## [TASK REQUIREMENTS]
Of the entries below, restate word for word only the section that runs from the line with "#177=IFCINDEXEDPOLYGONALFACE((1,3,7,5));" to the line with "#189=IFCRELAGGREGATES('0000000000000000000023',$,$,$,#8,(#16));", counting both ends.

╭──

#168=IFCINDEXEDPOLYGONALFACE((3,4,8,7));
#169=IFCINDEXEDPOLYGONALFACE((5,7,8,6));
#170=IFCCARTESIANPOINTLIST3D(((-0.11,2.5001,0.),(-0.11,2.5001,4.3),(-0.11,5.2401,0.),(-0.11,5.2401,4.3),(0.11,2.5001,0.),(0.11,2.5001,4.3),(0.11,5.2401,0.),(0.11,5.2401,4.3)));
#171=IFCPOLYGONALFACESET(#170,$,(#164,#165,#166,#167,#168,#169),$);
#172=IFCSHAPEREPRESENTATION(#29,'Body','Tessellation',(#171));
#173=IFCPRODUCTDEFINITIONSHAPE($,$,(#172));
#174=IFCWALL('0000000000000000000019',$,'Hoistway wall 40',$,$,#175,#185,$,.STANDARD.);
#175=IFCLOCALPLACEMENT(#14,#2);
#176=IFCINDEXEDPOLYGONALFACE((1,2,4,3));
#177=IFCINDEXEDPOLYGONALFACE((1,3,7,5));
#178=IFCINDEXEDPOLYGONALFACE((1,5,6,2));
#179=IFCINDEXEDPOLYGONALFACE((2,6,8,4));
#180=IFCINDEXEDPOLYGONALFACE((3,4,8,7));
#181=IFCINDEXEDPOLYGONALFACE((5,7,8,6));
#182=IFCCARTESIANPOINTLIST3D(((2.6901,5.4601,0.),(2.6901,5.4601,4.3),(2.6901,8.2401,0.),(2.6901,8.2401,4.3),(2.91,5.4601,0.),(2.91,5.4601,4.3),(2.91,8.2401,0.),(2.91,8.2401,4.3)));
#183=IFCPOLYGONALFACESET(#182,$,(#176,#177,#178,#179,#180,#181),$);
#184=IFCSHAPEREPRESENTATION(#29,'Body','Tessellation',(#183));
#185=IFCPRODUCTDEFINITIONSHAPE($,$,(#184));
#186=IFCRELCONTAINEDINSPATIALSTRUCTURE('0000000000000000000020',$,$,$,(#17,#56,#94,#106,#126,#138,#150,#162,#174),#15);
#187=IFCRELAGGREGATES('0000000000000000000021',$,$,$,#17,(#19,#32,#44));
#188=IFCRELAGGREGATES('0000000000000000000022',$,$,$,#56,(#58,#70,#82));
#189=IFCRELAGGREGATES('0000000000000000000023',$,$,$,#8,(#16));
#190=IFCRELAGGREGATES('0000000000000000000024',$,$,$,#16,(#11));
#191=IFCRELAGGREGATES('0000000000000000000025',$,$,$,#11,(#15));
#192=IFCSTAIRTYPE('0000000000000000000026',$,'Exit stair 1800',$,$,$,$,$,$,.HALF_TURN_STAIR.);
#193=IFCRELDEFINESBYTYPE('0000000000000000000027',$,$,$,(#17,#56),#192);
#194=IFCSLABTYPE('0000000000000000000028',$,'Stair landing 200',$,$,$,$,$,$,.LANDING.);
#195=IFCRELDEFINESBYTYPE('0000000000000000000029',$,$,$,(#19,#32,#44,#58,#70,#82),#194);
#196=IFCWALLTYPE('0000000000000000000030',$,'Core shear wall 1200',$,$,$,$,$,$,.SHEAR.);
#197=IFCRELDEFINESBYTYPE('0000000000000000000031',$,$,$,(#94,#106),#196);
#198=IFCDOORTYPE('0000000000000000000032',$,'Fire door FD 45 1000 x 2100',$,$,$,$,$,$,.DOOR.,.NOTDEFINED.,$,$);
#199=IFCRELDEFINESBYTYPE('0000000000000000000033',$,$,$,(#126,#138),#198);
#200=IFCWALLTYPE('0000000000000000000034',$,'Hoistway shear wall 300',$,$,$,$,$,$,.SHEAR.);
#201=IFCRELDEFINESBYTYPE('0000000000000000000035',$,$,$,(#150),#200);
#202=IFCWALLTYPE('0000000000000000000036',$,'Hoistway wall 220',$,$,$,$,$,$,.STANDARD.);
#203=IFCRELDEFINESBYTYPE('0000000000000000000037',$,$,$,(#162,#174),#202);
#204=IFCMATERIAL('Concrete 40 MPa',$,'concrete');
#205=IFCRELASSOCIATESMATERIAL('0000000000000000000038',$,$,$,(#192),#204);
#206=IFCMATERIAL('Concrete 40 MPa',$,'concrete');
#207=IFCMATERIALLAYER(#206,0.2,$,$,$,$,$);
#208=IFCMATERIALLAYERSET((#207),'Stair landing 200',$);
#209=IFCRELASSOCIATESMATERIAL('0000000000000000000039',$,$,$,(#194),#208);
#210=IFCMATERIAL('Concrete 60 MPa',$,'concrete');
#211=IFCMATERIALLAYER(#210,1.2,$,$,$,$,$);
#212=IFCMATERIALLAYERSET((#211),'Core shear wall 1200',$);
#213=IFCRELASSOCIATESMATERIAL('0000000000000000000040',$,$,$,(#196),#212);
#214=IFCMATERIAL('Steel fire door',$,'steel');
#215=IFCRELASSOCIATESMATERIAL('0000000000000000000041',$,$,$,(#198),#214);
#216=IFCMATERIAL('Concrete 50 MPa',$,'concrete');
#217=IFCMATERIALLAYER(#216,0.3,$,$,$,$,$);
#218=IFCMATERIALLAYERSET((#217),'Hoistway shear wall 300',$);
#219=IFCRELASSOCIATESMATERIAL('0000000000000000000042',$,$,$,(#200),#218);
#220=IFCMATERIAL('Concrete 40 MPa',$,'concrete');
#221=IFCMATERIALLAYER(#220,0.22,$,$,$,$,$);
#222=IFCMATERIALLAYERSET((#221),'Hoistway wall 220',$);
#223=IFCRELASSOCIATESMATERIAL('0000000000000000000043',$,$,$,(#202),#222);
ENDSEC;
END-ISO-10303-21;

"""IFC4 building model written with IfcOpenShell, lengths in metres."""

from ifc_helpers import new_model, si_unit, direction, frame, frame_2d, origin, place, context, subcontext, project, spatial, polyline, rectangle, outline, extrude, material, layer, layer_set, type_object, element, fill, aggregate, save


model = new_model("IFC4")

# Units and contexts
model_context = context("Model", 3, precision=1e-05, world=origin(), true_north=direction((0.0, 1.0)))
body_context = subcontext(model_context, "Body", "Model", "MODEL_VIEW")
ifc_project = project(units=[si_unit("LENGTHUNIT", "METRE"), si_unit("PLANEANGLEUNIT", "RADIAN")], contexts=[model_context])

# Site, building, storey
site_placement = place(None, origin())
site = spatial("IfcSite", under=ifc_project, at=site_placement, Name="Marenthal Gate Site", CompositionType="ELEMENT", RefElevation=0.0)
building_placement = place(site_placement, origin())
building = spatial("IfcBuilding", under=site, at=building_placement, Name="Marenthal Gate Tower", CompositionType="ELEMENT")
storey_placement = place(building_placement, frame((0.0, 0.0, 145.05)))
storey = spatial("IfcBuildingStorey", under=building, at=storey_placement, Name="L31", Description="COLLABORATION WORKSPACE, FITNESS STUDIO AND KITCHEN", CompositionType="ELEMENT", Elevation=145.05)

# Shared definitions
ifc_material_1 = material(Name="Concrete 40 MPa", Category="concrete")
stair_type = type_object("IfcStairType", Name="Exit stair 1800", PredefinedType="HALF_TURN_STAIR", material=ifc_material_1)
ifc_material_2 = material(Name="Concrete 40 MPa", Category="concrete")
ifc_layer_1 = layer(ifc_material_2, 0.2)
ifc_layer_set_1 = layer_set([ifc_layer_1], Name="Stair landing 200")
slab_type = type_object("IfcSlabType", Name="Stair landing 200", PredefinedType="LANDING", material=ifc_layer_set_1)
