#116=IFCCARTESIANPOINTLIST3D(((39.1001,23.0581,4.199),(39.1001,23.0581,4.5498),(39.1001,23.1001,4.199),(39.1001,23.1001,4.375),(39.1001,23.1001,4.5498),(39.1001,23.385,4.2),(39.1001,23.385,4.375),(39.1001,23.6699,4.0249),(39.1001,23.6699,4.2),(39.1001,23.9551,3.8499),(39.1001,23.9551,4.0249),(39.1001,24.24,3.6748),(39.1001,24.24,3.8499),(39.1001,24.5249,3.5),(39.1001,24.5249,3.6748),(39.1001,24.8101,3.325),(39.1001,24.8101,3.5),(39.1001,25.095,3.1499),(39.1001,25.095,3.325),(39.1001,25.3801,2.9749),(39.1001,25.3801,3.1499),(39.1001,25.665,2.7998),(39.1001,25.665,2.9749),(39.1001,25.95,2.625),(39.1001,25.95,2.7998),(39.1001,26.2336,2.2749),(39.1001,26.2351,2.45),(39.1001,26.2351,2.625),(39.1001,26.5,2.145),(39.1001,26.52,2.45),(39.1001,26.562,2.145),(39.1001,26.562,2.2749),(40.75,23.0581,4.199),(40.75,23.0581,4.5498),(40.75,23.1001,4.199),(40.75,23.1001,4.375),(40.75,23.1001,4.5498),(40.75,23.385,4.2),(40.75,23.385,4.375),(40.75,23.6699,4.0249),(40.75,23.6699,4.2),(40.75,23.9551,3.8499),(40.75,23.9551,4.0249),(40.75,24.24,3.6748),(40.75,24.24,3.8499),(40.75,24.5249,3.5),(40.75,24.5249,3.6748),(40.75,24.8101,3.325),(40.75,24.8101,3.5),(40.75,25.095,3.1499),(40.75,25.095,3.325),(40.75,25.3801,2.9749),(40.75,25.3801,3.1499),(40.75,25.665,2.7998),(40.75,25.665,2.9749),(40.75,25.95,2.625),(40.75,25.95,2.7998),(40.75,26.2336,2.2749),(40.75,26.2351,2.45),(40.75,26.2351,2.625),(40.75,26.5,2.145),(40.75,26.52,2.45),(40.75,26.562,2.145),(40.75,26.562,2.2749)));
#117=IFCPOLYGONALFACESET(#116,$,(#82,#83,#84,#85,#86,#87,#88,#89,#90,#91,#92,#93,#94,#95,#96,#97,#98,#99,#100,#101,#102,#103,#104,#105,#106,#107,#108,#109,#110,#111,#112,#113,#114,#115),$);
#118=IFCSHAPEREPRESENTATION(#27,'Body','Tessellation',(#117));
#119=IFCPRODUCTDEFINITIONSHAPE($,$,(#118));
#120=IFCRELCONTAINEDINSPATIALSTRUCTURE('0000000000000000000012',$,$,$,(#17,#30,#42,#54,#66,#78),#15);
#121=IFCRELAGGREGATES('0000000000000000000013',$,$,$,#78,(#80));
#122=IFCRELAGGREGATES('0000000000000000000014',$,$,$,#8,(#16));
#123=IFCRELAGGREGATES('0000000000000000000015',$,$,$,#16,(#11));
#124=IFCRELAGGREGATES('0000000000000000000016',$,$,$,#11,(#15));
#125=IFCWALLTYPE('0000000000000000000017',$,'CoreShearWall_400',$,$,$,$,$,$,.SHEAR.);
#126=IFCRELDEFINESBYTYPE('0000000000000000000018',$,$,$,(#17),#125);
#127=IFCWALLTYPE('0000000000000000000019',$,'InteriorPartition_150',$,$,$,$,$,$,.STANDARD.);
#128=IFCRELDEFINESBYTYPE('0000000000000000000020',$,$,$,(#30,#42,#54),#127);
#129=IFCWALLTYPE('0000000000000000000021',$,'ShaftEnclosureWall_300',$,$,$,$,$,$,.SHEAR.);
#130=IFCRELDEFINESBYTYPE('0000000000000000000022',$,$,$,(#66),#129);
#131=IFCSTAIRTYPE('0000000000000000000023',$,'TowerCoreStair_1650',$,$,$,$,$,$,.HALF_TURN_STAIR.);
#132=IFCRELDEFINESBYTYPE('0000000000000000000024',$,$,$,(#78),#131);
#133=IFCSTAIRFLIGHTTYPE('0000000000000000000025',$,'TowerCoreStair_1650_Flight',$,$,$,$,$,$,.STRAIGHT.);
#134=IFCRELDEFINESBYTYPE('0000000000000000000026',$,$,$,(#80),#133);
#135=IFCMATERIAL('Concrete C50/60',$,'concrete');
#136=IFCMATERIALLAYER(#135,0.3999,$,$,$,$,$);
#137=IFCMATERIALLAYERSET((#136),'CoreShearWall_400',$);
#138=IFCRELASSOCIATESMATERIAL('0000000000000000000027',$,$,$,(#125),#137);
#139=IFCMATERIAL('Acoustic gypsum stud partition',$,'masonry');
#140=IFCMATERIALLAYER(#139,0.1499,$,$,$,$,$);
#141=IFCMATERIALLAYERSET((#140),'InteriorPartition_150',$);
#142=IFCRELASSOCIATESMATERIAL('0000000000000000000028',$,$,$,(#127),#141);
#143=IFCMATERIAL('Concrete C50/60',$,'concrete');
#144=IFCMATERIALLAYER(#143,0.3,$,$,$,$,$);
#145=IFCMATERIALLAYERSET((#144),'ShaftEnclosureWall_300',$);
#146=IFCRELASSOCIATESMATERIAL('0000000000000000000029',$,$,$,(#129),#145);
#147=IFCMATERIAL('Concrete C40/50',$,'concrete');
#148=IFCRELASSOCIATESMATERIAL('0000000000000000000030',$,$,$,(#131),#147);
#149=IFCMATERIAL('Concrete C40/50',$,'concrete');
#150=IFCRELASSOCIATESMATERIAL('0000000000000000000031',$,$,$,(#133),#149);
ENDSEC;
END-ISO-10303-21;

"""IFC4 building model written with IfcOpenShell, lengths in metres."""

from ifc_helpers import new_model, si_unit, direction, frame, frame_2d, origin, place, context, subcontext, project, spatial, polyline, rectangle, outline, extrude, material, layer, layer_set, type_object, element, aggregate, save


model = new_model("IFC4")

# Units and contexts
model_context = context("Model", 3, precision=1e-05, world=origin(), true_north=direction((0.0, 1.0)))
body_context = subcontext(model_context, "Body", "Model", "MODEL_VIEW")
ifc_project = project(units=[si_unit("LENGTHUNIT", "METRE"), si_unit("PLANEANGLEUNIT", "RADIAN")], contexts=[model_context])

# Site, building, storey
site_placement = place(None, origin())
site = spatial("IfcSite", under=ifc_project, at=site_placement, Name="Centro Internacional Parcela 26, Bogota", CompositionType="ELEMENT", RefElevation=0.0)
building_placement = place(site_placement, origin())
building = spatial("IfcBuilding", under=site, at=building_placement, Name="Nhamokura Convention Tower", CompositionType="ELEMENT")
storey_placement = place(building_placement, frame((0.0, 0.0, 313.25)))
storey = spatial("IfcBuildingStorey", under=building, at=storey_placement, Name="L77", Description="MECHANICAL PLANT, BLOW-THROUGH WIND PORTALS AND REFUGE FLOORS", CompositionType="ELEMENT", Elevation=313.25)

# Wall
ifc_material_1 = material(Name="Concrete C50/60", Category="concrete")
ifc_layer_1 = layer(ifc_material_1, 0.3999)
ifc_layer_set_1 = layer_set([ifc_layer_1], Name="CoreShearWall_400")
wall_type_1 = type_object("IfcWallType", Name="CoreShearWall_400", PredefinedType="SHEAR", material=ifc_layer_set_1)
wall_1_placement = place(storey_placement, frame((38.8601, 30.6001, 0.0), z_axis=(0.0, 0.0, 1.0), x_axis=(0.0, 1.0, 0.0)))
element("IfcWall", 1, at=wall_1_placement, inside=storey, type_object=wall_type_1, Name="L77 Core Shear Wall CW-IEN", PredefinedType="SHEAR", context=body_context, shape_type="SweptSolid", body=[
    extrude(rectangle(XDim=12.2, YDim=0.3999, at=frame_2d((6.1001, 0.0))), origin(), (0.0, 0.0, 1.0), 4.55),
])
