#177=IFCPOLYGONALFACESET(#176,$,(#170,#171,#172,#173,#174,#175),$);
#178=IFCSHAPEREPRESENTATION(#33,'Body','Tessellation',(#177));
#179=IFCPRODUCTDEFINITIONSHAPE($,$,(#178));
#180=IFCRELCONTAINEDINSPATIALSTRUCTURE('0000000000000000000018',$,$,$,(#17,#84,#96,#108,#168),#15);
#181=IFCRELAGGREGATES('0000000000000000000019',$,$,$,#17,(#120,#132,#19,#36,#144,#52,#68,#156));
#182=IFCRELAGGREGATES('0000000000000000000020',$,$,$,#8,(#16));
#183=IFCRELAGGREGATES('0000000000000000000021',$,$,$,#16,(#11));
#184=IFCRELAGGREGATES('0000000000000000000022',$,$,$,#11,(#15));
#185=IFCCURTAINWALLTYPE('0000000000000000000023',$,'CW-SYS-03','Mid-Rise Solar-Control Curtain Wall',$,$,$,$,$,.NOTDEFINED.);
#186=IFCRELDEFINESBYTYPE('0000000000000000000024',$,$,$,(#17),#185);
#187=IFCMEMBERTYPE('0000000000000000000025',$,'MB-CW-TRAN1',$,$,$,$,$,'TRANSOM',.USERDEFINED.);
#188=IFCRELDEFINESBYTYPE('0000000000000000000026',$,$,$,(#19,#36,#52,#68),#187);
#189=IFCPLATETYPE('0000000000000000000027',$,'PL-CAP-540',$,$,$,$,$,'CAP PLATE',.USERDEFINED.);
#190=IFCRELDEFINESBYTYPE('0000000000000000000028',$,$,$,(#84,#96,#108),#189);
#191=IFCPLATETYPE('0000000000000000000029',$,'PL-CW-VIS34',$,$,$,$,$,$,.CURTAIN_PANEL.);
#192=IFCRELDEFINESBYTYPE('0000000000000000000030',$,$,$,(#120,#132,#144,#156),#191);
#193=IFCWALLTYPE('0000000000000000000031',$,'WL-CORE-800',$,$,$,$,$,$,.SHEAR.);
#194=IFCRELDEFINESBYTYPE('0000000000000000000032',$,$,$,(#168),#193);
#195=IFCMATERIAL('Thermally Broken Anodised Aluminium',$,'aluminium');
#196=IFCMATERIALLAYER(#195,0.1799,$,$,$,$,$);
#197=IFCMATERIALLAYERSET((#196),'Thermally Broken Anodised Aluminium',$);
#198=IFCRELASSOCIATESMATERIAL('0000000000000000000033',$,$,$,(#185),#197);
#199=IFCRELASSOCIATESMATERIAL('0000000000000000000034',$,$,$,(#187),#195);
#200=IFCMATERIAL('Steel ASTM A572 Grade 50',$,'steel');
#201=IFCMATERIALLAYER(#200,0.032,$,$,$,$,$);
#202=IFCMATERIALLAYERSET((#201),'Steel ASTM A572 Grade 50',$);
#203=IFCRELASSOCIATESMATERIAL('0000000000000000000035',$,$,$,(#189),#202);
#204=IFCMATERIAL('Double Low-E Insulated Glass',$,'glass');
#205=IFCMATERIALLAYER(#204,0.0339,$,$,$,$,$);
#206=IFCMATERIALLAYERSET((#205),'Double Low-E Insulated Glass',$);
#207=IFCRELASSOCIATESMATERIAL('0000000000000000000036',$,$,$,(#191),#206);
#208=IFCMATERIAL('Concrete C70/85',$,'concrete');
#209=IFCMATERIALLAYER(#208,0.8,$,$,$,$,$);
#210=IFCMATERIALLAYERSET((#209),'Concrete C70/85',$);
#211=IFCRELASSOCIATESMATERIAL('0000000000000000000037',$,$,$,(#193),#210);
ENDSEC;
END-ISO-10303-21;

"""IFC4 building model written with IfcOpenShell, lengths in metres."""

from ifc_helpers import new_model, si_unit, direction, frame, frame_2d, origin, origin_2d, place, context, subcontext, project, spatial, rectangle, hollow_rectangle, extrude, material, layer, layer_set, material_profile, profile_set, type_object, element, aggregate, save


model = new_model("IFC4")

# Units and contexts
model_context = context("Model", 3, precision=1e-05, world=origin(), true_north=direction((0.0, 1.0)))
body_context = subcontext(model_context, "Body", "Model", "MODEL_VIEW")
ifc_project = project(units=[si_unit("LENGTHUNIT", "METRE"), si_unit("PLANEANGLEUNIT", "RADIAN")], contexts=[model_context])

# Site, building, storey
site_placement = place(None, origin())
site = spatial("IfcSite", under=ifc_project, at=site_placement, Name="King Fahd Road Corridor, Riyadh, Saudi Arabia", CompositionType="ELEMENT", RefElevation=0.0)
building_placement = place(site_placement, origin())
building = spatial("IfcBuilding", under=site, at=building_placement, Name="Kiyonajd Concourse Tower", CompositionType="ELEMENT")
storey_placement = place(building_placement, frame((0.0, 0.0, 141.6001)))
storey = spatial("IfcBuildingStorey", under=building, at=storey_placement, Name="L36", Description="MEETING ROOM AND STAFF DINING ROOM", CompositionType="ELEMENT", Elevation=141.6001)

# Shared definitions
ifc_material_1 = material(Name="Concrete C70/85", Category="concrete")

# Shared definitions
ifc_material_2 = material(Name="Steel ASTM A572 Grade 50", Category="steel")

╰──

## [RESULT]
#177=IFCINDEXEDPOLYGONALFACE((1,3,7,5));
#178=IFCINDEXEDPOLYGONALFACE((1,5,6,2));
#179=IFCINDEXEDPOLYGONALFACE((2,6,8,4));
#180=IFCINDEXEDPOLYGONALFACE((3,4,8,7));
#181=IFCINDEXEDPOLYGONALFACE((5,7,8,6));
#182=IFCCARTESIANPOINTLIST3D(((2.6901,5.4601,0.),(2.6901,5.4601,4.3),(2.6901,8.2401,0.),(2.6901,8.2401,4.3),(2.91,5.4601,0.),(2.91,5.4601,4.3),(2.91,8.2401,0.),(2.91,8.2401,4.3)));
#183=IFCPOLYGONALFACESET(#182,$,(#176,#177,#178,#179,#180,#181),$);
#184=IFCSHAPEREPRESENTATION(#29,'Body','Tessellation',(#183));
#185=IFCPRODUCTDEFINITIONSHAPE($,$,(#184));
#186=IFCRELCONTAINEDINSPATIALSTRUCTURE('0000000000000000000020',$,$,$,(#17,#56,#94,#106,#126,#138,#150,#162,#174),#15);
#187=IFCRELAGGREGATES('0000000000000000000021',$,$,$,#17,(#19,#32,#44));
#188=IFCRELAGGREGATES('0000000000000000000022',$,$,$,#56,(#58,#70,#82));
#189=IFCRELAGGREGATES('0000000000000000000023',$,$,$,#8,(#16));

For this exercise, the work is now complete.